▶ _What is required_
Find the line containing "#25=IFCINDEXEDPOLYGONALFACE((5,7,9,10,8,6));" in the records below. Copy exactly that line and each one after it, ending at the line containing "#36=IFCINDEXEDPOLYGONALFACE((29,30,34,33));", and nothing more.

Start of Dataset excerpts

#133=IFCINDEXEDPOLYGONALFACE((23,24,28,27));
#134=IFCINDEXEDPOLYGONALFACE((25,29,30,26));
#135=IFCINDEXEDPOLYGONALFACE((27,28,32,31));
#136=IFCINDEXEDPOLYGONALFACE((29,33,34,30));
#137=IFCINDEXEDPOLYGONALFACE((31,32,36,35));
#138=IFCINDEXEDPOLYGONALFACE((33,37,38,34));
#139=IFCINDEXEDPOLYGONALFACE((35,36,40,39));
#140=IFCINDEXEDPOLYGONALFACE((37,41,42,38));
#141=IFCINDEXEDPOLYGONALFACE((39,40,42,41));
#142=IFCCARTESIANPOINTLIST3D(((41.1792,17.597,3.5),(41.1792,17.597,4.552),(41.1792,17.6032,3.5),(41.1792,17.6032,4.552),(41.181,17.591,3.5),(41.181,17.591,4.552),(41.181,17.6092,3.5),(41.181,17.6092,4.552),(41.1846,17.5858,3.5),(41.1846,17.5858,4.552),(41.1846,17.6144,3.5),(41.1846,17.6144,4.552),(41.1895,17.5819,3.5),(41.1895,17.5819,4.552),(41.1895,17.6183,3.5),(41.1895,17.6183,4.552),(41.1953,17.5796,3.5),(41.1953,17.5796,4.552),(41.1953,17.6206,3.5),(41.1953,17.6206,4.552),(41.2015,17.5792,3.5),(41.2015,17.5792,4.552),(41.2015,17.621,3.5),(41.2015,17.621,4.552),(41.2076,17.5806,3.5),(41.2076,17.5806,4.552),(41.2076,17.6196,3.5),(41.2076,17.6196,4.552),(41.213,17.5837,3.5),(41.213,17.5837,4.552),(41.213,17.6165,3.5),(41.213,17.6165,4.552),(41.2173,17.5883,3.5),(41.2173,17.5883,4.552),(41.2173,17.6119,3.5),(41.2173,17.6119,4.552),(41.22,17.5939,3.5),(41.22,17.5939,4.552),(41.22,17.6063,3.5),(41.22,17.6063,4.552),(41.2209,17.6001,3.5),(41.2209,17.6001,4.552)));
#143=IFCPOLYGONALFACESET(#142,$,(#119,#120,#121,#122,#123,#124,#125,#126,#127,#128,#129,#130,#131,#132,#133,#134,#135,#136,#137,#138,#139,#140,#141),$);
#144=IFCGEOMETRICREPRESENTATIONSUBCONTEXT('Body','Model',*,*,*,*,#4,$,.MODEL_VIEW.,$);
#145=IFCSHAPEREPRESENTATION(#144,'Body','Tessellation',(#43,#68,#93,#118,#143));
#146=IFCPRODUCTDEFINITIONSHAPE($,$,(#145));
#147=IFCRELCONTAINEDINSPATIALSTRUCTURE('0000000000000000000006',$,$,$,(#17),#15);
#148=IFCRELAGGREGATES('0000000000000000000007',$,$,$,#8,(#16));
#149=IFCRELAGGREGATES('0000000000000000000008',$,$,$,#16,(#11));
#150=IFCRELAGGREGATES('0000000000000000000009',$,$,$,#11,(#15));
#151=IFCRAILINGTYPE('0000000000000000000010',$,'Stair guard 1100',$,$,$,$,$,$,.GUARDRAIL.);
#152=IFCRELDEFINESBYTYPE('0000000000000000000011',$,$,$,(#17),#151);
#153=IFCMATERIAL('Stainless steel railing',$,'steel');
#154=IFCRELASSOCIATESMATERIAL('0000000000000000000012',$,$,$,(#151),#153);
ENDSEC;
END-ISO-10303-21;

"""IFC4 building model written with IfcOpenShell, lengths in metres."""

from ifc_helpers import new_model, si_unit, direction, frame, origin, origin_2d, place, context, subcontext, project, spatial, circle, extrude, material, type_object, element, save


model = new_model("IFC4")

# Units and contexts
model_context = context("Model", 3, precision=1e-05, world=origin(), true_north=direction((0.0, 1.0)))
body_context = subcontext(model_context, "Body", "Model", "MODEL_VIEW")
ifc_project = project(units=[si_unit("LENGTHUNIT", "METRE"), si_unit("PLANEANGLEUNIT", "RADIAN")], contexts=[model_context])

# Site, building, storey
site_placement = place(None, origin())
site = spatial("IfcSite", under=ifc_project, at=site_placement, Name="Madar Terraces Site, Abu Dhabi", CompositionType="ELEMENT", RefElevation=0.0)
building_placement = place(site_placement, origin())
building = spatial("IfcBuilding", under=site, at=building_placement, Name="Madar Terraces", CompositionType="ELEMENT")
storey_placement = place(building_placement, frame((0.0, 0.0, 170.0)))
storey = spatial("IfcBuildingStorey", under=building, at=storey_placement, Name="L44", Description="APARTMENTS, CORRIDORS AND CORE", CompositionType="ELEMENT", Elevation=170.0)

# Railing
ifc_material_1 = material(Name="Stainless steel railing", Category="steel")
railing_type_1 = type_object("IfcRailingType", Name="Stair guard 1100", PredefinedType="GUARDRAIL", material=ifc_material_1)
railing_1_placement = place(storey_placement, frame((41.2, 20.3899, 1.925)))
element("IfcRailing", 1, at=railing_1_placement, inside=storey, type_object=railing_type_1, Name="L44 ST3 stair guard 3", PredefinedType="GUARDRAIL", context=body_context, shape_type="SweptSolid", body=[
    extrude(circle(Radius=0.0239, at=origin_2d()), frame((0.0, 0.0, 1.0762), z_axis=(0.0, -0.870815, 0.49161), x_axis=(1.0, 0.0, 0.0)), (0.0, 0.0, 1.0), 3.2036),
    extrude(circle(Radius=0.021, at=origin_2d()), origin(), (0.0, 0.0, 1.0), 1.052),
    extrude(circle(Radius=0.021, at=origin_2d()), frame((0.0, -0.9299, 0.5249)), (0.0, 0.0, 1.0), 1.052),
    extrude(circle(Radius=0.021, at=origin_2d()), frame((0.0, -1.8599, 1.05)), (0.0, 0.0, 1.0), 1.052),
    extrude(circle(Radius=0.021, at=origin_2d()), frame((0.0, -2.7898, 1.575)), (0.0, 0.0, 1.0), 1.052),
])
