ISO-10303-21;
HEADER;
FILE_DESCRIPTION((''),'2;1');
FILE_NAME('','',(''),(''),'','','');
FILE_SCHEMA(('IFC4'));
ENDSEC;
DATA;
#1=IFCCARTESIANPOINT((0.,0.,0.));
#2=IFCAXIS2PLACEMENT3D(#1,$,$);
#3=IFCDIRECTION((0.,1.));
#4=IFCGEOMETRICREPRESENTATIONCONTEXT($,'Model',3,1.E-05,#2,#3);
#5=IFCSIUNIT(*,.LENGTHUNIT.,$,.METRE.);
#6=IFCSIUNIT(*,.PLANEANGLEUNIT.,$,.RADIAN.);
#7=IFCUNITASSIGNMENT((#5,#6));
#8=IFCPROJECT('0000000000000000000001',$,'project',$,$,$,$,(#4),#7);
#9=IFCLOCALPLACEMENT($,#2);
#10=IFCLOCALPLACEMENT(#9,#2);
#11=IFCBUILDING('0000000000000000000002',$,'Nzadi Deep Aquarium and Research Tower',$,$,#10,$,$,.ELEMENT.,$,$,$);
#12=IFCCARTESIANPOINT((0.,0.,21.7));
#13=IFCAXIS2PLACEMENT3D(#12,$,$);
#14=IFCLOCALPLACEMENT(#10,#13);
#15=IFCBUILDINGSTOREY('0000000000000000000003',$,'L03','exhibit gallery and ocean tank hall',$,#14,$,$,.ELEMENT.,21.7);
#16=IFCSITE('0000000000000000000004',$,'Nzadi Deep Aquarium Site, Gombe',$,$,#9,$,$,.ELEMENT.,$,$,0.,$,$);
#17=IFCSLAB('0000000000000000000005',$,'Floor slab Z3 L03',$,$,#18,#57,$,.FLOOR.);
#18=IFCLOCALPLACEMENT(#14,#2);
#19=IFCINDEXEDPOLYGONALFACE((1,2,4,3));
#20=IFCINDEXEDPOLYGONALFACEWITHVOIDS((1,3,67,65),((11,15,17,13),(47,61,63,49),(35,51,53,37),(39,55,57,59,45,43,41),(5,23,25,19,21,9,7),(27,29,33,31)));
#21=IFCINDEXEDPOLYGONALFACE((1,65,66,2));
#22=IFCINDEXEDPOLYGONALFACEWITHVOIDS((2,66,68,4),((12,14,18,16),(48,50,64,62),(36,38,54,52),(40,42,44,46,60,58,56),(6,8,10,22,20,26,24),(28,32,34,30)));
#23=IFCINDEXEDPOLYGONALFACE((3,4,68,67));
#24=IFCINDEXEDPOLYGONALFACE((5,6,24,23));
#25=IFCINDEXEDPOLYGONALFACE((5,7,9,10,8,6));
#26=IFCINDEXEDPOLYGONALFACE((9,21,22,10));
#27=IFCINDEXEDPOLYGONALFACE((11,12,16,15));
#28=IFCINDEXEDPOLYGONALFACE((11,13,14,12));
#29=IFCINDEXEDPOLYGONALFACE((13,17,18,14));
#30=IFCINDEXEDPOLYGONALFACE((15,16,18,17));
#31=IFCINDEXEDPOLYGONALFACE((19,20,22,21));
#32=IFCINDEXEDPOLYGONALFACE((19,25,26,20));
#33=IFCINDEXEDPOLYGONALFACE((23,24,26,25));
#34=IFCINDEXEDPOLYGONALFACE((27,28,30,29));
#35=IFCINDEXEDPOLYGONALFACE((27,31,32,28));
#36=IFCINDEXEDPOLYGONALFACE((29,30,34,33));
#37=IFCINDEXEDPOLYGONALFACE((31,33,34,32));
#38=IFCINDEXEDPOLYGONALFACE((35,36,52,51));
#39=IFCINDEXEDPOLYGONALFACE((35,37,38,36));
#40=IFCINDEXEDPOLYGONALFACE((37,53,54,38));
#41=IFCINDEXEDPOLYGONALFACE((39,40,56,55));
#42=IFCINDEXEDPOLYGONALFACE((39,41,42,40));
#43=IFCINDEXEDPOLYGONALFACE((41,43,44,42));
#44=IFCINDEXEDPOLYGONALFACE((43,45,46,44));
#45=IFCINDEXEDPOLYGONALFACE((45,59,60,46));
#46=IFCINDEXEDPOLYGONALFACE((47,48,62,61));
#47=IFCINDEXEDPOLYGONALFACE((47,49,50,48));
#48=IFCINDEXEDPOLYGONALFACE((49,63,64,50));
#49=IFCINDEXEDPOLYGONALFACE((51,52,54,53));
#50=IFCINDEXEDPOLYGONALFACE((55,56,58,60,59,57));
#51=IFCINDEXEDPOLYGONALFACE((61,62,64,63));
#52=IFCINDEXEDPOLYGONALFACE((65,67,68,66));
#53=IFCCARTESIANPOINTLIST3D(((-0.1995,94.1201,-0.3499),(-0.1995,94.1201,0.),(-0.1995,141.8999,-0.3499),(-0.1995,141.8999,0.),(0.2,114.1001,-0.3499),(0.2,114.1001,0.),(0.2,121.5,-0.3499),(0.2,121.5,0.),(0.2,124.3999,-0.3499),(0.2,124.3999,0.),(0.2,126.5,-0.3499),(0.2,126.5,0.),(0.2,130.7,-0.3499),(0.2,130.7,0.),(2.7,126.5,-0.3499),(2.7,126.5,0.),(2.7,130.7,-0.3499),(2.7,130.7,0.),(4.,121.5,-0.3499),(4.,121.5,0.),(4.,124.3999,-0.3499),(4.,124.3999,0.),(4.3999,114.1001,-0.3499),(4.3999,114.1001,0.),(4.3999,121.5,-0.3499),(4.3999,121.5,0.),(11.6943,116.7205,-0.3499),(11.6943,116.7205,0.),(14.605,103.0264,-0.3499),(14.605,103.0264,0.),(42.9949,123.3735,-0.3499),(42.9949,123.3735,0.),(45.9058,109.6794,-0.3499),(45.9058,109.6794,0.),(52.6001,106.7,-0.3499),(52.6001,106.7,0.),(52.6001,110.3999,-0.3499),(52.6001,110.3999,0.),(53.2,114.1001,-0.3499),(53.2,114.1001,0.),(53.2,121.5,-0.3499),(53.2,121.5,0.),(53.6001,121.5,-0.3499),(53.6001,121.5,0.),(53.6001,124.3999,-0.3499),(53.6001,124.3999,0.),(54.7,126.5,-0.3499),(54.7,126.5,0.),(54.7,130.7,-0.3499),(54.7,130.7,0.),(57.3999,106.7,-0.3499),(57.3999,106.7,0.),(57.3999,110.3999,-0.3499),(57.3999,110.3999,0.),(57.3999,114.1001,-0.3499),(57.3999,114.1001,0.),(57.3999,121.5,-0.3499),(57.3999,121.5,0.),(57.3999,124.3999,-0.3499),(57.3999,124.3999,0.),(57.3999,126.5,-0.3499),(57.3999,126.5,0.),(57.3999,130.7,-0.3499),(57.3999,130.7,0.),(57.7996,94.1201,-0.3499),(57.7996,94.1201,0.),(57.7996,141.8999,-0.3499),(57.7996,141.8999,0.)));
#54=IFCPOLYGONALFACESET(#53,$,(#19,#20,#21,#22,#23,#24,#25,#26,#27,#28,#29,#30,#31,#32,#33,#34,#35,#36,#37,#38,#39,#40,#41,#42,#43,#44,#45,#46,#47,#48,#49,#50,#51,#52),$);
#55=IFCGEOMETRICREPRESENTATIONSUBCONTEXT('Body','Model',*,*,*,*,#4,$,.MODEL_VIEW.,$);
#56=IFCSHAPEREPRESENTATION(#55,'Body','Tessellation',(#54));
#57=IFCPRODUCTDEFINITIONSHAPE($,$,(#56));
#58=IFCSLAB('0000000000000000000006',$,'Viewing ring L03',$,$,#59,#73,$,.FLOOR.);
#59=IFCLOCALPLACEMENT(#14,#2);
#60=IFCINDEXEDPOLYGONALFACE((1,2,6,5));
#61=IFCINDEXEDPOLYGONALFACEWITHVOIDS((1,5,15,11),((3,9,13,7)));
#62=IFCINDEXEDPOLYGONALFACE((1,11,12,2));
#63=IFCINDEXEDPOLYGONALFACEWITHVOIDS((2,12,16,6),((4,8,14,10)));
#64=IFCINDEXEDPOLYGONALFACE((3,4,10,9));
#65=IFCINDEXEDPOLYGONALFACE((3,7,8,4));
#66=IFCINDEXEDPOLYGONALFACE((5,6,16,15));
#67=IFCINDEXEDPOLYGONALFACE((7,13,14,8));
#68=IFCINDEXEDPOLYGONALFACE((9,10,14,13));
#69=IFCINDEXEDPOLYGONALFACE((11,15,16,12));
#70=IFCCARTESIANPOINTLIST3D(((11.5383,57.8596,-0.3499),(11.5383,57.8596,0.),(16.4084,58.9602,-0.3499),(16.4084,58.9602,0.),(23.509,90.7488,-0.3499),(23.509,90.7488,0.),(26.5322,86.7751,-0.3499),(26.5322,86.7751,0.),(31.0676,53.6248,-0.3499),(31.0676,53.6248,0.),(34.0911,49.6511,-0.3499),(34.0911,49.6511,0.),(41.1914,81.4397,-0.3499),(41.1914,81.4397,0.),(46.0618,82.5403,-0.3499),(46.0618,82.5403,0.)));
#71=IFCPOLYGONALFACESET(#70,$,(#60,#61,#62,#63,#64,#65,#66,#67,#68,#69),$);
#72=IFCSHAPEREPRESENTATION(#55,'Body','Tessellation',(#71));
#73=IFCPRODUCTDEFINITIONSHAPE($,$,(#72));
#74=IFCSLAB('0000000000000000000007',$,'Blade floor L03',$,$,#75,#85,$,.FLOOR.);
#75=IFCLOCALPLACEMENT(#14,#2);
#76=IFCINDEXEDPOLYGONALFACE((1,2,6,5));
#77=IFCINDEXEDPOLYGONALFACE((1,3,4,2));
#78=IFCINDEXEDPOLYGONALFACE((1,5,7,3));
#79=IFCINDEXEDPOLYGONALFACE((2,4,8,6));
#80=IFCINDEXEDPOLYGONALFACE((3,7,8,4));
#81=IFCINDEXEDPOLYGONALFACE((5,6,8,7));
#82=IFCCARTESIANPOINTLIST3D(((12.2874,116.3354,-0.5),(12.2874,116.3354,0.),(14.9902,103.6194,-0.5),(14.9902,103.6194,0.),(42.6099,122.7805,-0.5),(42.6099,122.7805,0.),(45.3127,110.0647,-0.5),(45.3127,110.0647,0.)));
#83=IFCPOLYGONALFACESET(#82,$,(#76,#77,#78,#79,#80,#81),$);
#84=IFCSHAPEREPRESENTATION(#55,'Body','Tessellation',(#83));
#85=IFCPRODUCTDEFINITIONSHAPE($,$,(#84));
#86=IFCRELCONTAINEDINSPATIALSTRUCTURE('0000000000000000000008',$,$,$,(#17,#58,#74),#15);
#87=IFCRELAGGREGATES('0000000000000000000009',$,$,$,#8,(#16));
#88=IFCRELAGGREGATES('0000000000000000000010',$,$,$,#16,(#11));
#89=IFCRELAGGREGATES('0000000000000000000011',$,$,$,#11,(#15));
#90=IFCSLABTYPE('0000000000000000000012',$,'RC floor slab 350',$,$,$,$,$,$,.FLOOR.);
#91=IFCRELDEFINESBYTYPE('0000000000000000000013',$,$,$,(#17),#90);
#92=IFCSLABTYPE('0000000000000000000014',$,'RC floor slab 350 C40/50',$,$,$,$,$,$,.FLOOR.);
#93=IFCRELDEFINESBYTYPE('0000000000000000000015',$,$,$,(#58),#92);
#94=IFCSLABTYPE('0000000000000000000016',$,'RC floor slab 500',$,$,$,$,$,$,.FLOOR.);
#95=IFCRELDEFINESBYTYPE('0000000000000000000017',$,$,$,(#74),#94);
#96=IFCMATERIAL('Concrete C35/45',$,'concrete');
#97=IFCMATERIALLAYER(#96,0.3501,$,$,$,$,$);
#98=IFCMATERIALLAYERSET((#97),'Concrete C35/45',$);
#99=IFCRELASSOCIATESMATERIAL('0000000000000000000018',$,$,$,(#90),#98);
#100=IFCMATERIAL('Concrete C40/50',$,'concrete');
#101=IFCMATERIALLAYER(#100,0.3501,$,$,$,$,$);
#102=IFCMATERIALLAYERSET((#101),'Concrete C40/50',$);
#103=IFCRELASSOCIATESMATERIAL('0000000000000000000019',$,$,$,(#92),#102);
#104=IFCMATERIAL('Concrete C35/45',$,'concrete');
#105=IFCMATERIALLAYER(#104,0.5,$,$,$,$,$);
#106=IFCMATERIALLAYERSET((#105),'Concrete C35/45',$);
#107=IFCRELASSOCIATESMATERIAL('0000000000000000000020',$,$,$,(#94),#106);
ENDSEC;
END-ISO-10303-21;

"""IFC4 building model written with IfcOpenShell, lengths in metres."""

from ifc_helpers import new_model, si_unit, direction, frame, origin, place, context, subcontext, project, spatial, polyline, outline, extrude, material, layer, layer_set, type_object, element, save


model = new_model("IFC4")

# Units and contexts
model_context = context("Model", 3, precision=1e-05, world=origin(), true_north=direction((0.0, 1.0)))
body_context = subcontext(model_context, "Body", "Model", "MODEL_VIEW")
ifc_project = project(units=[si_unit("LENGTHUNIT", "METRE"), si_unit("PLANEANGLEUNIT", "RADIAN")], contexts=[model_context])

# Site, building, storey
site_placement = place(None, origin())
site = spatial("IfcSite", under=ifc_project, at=site_placement, Name="Nzadi Deep Aquarium Site, Gombe", CompositionType="ELEMENT", RefElevation=0.0)
building_placement = place(site_placement, origin())
building = spatial("IfcBuilding", under=site, at=building_placement, Name="Nzadi Deep Aquarium and Research Tower", CompositionType="ELEMENT")
storey_placement = place(building_placement, frame((0.0, 0.0, 21.7)))
storey = spatial("IfcBuildingStorey", under=building, at=storey_placement, Name="L03", Description="exhibit gallery and ocean tank hall", CompositionType="ELEMENT", Elevation=21.7)

# Slabs
ifc_material_1 = material(Name="Concrete C35/45", Category="concrete")
ifc_layer_1 = layer(ifc_material_1, 0.3501)
ifc_layer_set_1 = layer_set([ifc_layer_1], Name="Concrete C35/45")
slab_type_1 = type_object("IfcSlabType", Name="RC floor slab 350", PredefinedType="FLOOR", material=ifc_layer_set_1)
slab_1_placement = place(storey_placement, frame((0.0, 0.0, -0.3499)))
element("IfcSlab", 1, at=slab_1_placement, inside=storey, type_object=slab_type_1, Name="Floor slab Z3 L03", PredefinedType="FLOOR", context=body_context, shape_type="SweptSolid", body=[
    extrude(outline(polyline([(57.7996, 94.1201), (57.7996, 141.8999), (-0.1995, 141.8999), (-0.1995, 94.1201), (57.7996, 94.1201)]), holes=[polyline([(0.2, 124.3999), (4.0, 124.3999), (4.0, 121.5), (4.3999, 121.5), (4.3999, 114.1001), (0.2, 114.1001), (0.2, 121.5), (0.2, 124.3999)]), polyline([(53.6001, 124.3999), (57.3999, 124.3999), (57.3999, 121.5), (57.3999, 114.1001), (53.2, 114.1001), (53.2, 121.5), (53.6001, 121.5), (53.6001, 124.3999)]), polyline([(57.3999, 106.7), (52.6001, 106.7), (52.6001, 110.3999), (57.3999, 110.3999), (57.3999, 106.7)]), polyline([(0.2, 126.5), (0.2, 130.7), (2.7, 130.7), (2.7, 126.5), (0.2, 126.5)]), polyline([(54.7, 130.7), (57.3999, 130.7), (57.3999, 126.5), (54.7, 126.5), (54.7, 130.7)]), polyline([(45.9058, 109.6794), (14.605, 103.0264), (11.6943, 116.7205), (42.9949, 123.3735), (45.9058, 109.6794)])]), origin(), (0.0, 0.0, 1.0), 0.3499),
])
ifc_material_2 = material(Name="Concrete C40/50", Category="concrete")
ifc_layer_2 = layer(ifc_material_2, 0.3501)
ifc_layer_set_2 = layer_set([ifc_layer_2], Name="Concrete C40/50")
slab_type_2 = type_object("IfcSlabType", Name="RC floor slab 350 C40/50", PredefinedType="FLOOR", material=ifc_layer_set_2)
slab_2_placement = place(storey_placement, frame((0.0, 0.0, -0.3499)))
element("IfcSlab", 2, at=slab_2_placement, inside=storey, type_object=slab_type_2, Name="Viewing ring L03", PredefinedType="FLOOR", context=body_context, shape_type="SweptSolid", body=[
    extrude(outline(polyline([(23.509, 90.7488), (11.5383, 57.8596), (34.0911, 49.6511), (46.0618, 82.5403), (23.509, 90.7488)]), holes=[polyline([(31.0676, 53.6248), (16.4084, 58.9602), (26.5322, 86.7751), (41.1914, 81.4397), (31.0676, 53.6248)])]), origin(), (0.0, 0.0, 1.0), 0.3499),
])
ifc_material_3 = material(Name="Concrete C35/45", Category="concrete")
ifc_layer_3 = layer(ifc_material_3, 0.5)
ifc_layer_set_3 = layer_set([ifc_layer_3], Name="Concrete C35/45")
slab_type_3 = type_object("IfcSlabType", Name="RC floor slab 500", PredefinedType="FLOOR", material=ifc_layer_set_3)
slab_3_placement = place(storey_placement, frame((0.0, 0.0, -0.5)))
element("IfcSlab", 3, at=slab_3_placement, inside=storey, type_object=slab_type_3, Name="Blade floor L03", PredefinedType="FLOOR", context=body_context, shape_type="SweptSolid", body=[
    extrude(outline(polyline([(14.9902, 103.6194), (45.3127, 110.0647), (42.6099, 122.7805), (12.2874, 116.3354), (14.9902, 103.6194)])), origin(), (0.0, 0.0, 1.0), 0.5),
])

save(model, "model.ifc")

End of Dataset excerpts

▶ _Response for this exercise_
#25=IFCINDEXEDPOLYGONALFACE((5,7,9,10,8,6));
#26=IFCINDEXEDPOLYGONALFACE((9,21,22,10));
#27=IFCINDEXEDPOLYGONALFACE((11,12,16,15));
#28=IFCINDEXEDPOLYGONALFACE((11,13,14,12));
#29=IFCINDEXEDPOLYGONALFACE((13,17,18,14));
#30=IFCINDEXEDPOLYGONALFACE((15,16,18,17));
#31=IFCINDEXEDPOLYGONALFACE((19,20,22,21));
#32=IFCINDEXEDPOLYGONALFACE((19,25,26,20));
#33=IFCINDEXEDPOLYGONALFACE((23,24,26,25));
#34=IFCINDEXEDPOLYGONALFACE((27,28,30,29));
#35=IFCINDEXEDPOLYGONALFACE((27,31,32,28));
#36=IFCINDEXEDPOLYGONALFACE((29,30,34,33));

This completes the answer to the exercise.